* Work to complete *
I'd like every line from the material below that has "IFCMATERIALLAYERSET" in it.

<<<<

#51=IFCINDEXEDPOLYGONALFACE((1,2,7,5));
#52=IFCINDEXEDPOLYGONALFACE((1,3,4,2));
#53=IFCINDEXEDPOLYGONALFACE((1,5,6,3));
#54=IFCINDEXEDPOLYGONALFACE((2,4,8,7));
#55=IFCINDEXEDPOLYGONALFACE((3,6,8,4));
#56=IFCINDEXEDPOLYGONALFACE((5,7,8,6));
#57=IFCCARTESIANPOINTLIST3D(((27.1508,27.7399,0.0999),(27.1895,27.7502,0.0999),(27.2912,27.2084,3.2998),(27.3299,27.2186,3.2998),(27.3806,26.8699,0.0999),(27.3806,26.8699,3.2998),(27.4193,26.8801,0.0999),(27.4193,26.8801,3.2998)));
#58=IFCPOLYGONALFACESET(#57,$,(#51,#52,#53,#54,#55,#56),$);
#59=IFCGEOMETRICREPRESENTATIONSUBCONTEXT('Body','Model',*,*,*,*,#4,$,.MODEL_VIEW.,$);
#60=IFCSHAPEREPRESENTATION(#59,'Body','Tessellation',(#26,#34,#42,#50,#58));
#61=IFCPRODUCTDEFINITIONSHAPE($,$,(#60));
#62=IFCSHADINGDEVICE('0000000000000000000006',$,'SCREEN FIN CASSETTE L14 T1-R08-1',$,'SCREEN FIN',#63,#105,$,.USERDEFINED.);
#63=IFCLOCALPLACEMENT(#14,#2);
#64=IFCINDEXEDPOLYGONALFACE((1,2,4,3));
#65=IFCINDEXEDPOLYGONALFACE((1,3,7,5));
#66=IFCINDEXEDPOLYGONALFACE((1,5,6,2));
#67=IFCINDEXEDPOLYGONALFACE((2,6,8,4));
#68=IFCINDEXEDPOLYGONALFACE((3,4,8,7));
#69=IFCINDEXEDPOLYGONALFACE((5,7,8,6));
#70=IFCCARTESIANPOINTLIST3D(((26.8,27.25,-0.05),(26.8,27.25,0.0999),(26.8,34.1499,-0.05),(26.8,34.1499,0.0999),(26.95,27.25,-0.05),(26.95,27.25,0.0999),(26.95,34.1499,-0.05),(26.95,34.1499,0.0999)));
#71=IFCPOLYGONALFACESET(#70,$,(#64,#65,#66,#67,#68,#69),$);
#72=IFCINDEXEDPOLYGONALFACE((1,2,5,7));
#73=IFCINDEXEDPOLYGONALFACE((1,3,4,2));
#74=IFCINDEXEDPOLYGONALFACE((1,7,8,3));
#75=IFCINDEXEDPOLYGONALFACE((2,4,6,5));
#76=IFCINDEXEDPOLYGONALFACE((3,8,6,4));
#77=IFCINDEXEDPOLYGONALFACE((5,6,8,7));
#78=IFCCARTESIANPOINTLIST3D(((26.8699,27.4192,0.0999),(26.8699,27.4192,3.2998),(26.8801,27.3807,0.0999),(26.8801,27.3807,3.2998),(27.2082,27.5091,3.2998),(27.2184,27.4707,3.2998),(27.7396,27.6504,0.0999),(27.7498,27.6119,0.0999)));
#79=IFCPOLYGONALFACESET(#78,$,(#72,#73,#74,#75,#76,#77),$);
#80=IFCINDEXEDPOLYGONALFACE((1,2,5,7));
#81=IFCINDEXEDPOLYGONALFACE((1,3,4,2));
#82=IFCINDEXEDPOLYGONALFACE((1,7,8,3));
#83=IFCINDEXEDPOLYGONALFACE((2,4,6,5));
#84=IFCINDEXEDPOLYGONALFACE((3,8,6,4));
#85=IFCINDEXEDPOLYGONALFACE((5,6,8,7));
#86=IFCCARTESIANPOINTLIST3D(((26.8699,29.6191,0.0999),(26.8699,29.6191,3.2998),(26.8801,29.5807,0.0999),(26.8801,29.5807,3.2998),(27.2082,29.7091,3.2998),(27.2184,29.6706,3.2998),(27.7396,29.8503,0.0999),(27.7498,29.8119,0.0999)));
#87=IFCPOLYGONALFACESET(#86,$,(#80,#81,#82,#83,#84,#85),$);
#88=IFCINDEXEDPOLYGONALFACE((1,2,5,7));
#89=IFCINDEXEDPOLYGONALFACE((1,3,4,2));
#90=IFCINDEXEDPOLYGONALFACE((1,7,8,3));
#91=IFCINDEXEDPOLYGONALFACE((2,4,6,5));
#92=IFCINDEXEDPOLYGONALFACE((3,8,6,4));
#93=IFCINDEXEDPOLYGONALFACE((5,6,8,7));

>>>>
<<<<

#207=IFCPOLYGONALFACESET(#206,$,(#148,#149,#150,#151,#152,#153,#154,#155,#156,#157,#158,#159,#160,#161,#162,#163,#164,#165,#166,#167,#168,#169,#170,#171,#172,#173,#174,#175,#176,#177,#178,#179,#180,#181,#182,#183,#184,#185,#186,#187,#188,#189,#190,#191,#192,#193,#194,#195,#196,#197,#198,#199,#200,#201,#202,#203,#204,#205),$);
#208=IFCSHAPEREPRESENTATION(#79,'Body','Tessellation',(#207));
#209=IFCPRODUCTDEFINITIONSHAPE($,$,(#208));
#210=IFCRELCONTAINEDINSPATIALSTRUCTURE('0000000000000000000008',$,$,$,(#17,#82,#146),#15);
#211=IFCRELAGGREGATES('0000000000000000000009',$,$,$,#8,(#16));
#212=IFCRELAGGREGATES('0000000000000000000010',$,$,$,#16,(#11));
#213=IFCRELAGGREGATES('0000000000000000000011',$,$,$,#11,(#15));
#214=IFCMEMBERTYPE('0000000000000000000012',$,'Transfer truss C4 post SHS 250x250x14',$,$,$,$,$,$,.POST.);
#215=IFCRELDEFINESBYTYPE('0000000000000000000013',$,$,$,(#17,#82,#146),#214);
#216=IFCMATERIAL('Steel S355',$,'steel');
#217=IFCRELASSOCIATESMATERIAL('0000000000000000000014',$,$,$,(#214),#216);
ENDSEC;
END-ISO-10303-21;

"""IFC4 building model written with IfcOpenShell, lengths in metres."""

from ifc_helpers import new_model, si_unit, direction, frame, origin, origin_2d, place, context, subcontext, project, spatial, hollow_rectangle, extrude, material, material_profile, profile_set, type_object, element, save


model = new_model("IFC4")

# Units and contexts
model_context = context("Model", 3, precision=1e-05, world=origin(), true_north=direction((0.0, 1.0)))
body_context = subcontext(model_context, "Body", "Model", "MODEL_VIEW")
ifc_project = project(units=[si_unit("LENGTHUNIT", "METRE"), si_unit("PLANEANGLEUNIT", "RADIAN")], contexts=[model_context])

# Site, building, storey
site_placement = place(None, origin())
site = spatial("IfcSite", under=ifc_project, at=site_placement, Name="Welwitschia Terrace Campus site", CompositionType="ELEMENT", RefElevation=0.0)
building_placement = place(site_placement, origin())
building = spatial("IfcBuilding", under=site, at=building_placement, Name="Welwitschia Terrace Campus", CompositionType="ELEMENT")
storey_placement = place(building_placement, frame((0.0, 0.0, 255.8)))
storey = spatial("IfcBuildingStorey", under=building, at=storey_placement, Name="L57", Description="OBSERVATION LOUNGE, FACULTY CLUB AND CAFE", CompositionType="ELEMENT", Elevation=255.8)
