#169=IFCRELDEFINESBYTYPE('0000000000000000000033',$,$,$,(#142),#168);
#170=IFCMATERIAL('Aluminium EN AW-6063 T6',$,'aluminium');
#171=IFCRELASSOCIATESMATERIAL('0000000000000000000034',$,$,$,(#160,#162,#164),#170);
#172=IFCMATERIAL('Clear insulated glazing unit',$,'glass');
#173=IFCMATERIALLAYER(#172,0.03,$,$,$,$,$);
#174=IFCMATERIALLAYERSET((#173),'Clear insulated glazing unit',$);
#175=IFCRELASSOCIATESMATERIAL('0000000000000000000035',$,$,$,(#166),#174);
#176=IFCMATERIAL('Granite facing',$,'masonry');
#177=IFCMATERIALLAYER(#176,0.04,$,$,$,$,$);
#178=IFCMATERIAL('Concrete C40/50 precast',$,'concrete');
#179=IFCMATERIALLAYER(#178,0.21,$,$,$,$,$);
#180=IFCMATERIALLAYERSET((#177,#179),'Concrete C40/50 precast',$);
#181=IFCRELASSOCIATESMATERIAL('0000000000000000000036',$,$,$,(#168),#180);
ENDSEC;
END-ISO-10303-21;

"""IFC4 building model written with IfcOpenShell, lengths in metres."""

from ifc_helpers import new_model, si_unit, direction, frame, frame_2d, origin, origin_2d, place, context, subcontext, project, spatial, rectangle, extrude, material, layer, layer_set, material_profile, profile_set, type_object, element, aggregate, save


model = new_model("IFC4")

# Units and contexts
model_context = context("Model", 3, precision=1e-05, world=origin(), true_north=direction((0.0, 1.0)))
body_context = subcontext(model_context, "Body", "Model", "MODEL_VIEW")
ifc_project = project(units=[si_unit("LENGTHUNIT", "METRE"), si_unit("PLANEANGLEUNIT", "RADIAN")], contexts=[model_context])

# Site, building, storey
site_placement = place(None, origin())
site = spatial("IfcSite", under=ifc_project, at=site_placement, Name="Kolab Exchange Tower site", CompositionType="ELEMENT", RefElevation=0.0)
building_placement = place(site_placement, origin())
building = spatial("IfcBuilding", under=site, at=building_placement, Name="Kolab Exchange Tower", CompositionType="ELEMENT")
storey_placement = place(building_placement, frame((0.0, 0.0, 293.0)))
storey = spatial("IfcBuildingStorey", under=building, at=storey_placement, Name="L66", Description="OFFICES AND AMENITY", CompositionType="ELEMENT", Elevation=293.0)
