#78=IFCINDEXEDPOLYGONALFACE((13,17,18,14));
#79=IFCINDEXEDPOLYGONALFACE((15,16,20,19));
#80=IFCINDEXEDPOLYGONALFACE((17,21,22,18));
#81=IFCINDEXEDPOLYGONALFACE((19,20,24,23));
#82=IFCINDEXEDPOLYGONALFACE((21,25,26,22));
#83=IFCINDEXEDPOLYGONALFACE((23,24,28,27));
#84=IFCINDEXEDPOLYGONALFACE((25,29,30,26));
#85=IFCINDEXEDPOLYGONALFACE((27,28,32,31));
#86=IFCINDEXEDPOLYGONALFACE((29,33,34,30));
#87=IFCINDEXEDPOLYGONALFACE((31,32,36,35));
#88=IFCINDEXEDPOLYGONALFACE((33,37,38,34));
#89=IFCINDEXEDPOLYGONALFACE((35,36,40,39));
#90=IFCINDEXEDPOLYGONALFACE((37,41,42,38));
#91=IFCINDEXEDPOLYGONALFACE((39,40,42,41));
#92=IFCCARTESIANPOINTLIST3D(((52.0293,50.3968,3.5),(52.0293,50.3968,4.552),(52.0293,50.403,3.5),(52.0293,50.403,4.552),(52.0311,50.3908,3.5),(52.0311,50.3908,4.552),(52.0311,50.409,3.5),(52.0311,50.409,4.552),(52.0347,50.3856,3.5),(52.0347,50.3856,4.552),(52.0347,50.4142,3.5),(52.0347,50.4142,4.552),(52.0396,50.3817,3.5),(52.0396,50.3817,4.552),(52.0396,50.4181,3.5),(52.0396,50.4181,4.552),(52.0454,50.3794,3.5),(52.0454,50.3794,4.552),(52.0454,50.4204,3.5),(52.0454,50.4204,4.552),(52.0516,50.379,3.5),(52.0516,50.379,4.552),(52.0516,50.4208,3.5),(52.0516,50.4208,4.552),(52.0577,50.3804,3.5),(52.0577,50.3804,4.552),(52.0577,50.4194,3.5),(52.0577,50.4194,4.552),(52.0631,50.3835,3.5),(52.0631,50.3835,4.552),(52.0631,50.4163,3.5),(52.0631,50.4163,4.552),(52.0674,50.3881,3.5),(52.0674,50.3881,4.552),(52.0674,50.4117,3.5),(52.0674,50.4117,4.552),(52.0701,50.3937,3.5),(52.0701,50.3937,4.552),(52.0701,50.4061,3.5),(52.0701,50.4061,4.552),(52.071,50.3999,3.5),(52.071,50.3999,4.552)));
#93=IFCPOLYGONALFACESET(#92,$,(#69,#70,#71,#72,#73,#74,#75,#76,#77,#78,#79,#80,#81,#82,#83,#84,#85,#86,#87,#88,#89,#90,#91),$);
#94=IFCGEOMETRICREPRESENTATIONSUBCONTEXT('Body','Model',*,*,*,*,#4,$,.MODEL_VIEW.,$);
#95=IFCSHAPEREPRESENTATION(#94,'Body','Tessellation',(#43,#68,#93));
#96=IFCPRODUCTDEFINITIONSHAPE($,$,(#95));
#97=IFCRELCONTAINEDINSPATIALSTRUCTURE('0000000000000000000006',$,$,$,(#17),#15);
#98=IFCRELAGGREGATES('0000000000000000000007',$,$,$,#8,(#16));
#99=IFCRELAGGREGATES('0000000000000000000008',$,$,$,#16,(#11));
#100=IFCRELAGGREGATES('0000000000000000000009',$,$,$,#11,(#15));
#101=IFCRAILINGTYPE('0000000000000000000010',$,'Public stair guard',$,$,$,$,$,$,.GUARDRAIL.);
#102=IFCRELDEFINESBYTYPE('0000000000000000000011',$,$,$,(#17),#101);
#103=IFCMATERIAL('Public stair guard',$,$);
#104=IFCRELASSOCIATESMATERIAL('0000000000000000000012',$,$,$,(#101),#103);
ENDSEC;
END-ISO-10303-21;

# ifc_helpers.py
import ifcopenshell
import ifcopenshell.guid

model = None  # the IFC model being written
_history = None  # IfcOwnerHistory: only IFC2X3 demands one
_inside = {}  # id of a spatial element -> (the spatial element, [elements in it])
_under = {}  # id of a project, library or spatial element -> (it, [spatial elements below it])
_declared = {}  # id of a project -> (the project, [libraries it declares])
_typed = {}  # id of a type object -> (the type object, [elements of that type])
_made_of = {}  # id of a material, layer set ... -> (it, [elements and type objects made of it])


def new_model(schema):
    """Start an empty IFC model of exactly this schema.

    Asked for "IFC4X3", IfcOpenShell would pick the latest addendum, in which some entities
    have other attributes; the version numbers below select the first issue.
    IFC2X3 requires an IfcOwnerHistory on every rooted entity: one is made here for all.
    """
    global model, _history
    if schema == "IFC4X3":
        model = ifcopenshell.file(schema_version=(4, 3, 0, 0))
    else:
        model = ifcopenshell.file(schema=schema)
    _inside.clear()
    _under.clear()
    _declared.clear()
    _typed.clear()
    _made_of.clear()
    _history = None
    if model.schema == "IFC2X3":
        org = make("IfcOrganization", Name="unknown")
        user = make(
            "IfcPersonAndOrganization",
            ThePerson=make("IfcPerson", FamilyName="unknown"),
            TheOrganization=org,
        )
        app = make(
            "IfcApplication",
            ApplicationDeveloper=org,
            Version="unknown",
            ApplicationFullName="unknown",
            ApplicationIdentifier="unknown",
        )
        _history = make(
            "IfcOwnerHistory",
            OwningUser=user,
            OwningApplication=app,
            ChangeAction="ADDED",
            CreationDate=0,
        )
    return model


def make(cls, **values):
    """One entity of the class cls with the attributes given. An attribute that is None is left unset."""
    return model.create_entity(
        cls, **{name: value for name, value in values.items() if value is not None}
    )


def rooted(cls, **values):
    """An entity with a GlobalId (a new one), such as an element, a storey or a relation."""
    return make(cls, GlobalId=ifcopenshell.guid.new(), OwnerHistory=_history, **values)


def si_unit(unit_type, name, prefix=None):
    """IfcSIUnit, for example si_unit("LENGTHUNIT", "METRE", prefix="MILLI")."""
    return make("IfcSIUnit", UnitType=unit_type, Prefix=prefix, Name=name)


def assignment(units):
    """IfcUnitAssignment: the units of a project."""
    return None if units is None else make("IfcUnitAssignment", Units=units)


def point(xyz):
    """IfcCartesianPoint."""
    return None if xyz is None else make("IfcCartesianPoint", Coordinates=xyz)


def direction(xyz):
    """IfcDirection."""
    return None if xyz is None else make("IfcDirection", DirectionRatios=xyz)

>>>>
<<<<

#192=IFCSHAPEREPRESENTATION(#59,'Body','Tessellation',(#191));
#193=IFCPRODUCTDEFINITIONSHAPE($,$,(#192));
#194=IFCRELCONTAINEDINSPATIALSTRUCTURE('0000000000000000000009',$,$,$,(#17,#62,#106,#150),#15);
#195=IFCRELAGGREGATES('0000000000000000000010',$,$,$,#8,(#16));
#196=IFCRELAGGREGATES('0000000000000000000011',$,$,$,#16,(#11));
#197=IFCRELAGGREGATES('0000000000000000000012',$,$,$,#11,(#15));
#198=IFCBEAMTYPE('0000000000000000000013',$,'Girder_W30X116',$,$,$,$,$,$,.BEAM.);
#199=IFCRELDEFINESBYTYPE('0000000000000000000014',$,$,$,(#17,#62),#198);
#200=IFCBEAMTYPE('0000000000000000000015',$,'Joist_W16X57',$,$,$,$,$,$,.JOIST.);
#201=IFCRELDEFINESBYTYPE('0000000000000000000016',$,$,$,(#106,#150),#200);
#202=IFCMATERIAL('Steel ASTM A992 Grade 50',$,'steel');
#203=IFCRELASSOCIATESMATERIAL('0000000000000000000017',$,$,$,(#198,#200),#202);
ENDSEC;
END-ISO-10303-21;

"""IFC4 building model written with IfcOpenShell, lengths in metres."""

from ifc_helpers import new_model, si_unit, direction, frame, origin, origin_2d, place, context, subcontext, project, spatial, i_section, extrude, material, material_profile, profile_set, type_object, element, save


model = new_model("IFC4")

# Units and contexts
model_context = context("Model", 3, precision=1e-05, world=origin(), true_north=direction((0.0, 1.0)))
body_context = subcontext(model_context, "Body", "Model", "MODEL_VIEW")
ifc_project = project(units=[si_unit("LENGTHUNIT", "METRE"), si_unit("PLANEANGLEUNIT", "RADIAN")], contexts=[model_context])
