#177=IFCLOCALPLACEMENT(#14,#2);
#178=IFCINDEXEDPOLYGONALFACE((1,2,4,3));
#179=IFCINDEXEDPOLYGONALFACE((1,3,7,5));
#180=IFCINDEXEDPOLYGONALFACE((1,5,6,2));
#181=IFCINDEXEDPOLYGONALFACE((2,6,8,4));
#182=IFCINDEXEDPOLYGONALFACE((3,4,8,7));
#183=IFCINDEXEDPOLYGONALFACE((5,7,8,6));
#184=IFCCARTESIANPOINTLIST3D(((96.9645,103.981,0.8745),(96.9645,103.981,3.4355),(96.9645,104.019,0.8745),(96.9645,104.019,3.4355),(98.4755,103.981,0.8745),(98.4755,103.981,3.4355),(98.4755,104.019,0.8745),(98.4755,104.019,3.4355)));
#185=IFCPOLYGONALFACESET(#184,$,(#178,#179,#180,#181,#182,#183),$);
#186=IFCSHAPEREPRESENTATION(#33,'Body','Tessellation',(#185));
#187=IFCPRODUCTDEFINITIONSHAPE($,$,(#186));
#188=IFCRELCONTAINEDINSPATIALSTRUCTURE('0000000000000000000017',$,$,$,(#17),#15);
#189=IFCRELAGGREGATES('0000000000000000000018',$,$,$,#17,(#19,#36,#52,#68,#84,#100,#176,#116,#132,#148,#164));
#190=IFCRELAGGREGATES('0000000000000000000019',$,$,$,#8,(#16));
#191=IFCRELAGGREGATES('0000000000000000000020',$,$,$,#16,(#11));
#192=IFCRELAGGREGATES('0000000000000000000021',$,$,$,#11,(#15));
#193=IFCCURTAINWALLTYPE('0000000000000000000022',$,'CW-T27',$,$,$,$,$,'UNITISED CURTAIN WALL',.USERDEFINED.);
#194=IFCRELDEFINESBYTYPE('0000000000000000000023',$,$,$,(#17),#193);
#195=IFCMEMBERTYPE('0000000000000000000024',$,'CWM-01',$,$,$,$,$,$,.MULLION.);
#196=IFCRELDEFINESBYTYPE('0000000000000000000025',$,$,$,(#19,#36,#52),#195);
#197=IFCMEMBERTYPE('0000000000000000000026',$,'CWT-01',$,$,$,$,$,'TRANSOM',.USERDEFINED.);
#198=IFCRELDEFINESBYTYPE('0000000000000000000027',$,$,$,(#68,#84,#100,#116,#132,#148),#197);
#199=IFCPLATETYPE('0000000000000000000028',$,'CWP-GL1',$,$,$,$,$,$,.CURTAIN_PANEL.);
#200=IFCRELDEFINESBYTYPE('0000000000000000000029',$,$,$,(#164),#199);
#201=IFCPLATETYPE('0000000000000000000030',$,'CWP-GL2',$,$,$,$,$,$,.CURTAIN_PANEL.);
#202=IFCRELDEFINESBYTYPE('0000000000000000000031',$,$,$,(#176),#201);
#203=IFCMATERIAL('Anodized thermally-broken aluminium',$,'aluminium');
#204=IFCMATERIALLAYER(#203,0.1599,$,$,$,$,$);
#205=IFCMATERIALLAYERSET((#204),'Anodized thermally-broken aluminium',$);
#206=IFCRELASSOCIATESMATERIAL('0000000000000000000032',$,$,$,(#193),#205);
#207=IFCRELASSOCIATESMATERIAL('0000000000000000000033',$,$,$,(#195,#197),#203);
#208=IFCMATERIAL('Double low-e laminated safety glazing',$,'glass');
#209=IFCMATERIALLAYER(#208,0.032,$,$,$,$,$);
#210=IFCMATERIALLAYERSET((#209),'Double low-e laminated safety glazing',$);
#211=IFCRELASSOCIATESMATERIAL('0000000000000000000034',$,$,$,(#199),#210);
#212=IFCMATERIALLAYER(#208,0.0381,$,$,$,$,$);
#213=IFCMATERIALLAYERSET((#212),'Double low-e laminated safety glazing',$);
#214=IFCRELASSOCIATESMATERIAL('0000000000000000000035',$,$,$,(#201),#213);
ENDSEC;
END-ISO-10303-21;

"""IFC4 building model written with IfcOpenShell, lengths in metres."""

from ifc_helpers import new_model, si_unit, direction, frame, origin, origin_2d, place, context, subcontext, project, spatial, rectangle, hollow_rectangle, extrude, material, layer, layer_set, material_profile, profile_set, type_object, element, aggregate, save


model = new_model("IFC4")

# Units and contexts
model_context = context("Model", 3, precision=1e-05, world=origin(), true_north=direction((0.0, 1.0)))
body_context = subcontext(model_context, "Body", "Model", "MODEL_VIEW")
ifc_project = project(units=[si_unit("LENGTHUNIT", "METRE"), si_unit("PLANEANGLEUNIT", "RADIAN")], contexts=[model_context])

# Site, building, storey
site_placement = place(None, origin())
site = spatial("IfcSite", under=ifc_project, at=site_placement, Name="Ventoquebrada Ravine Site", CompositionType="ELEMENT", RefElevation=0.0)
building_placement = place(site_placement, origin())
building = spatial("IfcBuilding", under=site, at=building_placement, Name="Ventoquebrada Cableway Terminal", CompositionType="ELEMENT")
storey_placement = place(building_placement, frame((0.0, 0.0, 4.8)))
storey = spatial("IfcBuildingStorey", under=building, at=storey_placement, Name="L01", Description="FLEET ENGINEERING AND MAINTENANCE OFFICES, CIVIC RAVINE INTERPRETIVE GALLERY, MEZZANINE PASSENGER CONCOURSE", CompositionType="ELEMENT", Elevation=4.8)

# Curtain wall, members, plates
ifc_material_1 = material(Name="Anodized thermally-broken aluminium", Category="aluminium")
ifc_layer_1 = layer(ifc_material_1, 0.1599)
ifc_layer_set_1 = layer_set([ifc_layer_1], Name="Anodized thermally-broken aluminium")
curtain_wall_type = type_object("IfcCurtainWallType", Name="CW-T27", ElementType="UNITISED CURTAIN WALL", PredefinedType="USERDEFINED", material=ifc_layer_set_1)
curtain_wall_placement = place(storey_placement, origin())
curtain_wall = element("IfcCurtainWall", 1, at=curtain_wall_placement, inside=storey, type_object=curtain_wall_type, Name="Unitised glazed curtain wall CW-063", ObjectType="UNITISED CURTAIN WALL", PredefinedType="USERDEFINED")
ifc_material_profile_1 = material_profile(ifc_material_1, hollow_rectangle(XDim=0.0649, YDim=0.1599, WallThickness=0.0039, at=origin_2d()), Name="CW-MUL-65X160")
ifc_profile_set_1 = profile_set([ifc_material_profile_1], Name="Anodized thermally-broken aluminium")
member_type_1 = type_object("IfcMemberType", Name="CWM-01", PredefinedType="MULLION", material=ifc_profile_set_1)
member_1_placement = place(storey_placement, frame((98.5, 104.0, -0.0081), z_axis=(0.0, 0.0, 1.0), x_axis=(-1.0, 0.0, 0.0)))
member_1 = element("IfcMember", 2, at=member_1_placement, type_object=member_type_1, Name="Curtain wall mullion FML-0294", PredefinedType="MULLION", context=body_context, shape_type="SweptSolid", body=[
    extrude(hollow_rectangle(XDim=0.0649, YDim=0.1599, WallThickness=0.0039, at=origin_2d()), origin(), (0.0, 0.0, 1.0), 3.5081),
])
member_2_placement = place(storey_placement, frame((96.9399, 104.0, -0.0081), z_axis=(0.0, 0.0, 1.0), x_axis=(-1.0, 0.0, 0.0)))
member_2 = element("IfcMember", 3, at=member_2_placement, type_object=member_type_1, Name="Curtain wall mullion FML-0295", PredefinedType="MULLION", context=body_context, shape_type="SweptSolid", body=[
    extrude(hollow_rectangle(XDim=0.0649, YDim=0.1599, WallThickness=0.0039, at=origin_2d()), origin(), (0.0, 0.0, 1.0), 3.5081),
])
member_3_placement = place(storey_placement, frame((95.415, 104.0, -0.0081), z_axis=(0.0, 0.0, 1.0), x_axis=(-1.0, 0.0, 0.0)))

>>>>

* Reply *
#174=IFCMATERIALLAYERSET((#173),'Clear insulated glazing unit',$);
#180=IFCMATERIALLAYERSET((#177,#179),'Concrete C40/50 precast',$);
#205=IFCMATERIALLAYERSET((#204),'Anodized thermally-broken aluminium',$);
#210=IFCMATERIALLAYERSET((#209),'Double low-e laminated safety glazing',$);
#213=IFCMATERIALLAYERSET((#212),'Double low-e laminated safety glazing',$);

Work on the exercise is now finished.